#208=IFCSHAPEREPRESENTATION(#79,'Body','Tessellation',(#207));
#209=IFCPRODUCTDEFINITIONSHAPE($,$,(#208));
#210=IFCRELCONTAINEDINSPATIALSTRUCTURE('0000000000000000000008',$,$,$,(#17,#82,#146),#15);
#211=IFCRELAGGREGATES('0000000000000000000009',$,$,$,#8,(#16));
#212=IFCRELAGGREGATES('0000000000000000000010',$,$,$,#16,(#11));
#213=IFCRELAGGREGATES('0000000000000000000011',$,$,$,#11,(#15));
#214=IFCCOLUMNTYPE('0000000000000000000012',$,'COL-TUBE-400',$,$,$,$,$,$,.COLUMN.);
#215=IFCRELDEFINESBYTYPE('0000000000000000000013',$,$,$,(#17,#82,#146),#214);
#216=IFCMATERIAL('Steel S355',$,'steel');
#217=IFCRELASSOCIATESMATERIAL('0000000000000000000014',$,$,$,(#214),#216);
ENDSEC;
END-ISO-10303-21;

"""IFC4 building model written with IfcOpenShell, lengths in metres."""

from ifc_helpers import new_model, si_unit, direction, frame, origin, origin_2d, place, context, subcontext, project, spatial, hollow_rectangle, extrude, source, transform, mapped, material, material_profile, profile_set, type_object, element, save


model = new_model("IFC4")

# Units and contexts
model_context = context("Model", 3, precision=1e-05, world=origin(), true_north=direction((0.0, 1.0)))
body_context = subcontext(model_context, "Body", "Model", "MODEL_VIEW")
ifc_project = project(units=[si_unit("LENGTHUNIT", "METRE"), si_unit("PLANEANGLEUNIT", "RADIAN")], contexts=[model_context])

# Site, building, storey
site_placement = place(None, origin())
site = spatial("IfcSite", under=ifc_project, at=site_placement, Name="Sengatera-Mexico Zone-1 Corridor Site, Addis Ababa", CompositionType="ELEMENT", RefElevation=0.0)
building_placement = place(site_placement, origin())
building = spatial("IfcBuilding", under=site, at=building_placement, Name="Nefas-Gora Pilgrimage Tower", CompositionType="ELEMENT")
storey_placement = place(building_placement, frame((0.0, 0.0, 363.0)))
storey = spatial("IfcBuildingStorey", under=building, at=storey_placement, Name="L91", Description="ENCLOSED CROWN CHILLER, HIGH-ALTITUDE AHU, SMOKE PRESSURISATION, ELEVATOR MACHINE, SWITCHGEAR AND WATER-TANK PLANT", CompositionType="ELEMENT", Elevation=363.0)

Task requirements: Transcribe the entries exactly.

Answer for this exercise:
#208=IFCSHAPEREPRESENTATION(#79,'Body','Tessellation',(#207));
#209=IFCPRODUCTDEFINITIONSHAPE($,$,(#208));
#210=IFCRELCONTAINEDINSPATIALSTRUCTURE('0000000000000000000008',$,$,$,(#17,#82,#146),#15);
#211=IFCRELAGGREGATES('0000000000000000000009',$,$,$,#8,(#16));
#212=IFCRELAGGREGATES('0000000000000000000010',$,$,$,#16,(#11));
#213=IFCRELAGGREGATES('0000000000000000000011',$,$,$,#11,(#15));
#214=IFCCOLUMNTYPE('0000000000000000000012',$,'COL-TUBE-400',$,$,$,$,$,$,.COLUMN.);
#215=IFCRELDEFINESBYTYPE('0000000000000000000013',$,$,$,(#17,#82,#146),#214);
#216=IFCMATERIAL('Steel S355',$,'steel');
#217=IFCRELASSOCIATESMATERIAL('0000000000000000000014',$,$,$,(#214),#216);
ENDSEC;
END-ISO-10303-21;

"""IFC4 building model written with IfcOpenShell, lengths in metres."""

from ifc_helpers import new_model, si_unit, direction, frame, origin, origin_2d, place, context, subcontext, project, spatial, hollow_rectangle, extrude, source, transform, mapped, material, material_profile, profile_set, type_object, element, save


model = new_model("IFC4")

# Units and contexts
model_context = context("Model", 3, precision=1e-05, world=origin(), true_north=direction((0.0, 1.0)))
body_context = subcontext(model_context, "Body", "Model", "MODEL_VIEW")
ifc_project = project(units=[si_unit("LENGTHUNIT", "METRE"), si_unit("PLANEANGLEUNIT", "RADIAN")], contexts=[model_context])

# Site, building, storey
site_placement = place(None, origin())
site = spatial("IfcSite", under=ifc_project, at=site_placement, Name="Sengatera-Mexico Zone-1 Corridor Site, Addis Ababa", CompositionType="ELEMENT", RefElevation=0.0)
building_placement = place(site_placement, origin())
building = spatial("IfcBuilding", under=site, at=building_placement, Name="Nefas-Gora Pilgrimage Tower", CompositionType="ELEMENT")
storey_placement = place(building_placement, frame((0.0, 0.0, 363.0)))
storey = spatial("IfcBuildingStorey", under=building, at=storey_placement, Name="L91", Description="ENCLOSED CROWN CHILLER, HIGH-ALTITUDE AHU, SMOKE PRESSURISATION, ELEVATOR MACHINE, SWITCHGEAR AND WATER-TANK PLANT", CompositionType="ELEMENT", Elevation=363.0)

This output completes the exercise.